**Listed entries:**
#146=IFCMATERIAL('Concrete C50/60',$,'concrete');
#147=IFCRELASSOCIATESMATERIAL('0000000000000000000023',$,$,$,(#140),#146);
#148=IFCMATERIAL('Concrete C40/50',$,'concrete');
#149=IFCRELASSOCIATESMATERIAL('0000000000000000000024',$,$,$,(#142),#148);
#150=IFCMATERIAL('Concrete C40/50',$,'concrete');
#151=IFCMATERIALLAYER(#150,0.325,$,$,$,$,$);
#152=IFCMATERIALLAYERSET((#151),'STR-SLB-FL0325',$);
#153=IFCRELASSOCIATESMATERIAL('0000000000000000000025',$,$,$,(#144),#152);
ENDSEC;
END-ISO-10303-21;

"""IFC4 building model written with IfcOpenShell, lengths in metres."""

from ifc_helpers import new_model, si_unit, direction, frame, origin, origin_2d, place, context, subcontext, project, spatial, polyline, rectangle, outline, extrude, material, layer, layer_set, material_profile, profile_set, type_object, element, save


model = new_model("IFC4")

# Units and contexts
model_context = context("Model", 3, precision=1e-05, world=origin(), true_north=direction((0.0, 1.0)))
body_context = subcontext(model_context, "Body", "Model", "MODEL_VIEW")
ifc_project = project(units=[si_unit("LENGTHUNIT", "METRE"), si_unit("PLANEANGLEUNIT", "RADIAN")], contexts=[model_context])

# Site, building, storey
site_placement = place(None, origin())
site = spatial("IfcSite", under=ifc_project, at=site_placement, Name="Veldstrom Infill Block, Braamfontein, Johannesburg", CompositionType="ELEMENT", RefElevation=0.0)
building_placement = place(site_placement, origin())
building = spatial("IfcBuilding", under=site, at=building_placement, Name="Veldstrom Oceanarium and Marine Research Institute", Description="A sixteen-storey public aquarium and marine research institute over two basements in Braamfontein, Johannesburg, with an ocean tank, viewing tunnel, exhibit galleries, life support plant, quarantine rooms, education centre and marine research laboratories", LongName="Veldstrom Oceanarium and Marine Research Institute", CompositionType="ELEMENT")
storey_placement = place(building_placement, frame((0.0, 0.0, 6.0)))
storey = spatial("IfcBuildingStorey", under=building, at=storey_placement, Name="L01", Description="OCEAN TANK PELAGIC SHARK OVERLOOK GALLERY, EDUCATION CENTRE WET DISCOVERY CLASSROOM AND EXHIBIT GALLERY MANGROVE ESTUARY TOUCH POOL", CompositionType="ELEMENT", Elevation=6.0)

**Your goal:** Pull every line containing "direction" out of the material and copy it.

**Result for this exercise:**
from ifc_helpers import new_model, si_unit, direction, frame, origin, origin_2d, place, context, subcontext, project, spatial, polyline, rectangle, outline, extrude, material, layer, layer_set, material_profile, profile_set, type_object, element, save
model_context = context("Model", 3, precision=1e-05, world=origin(), true_north=direction((0.0, 1.0)))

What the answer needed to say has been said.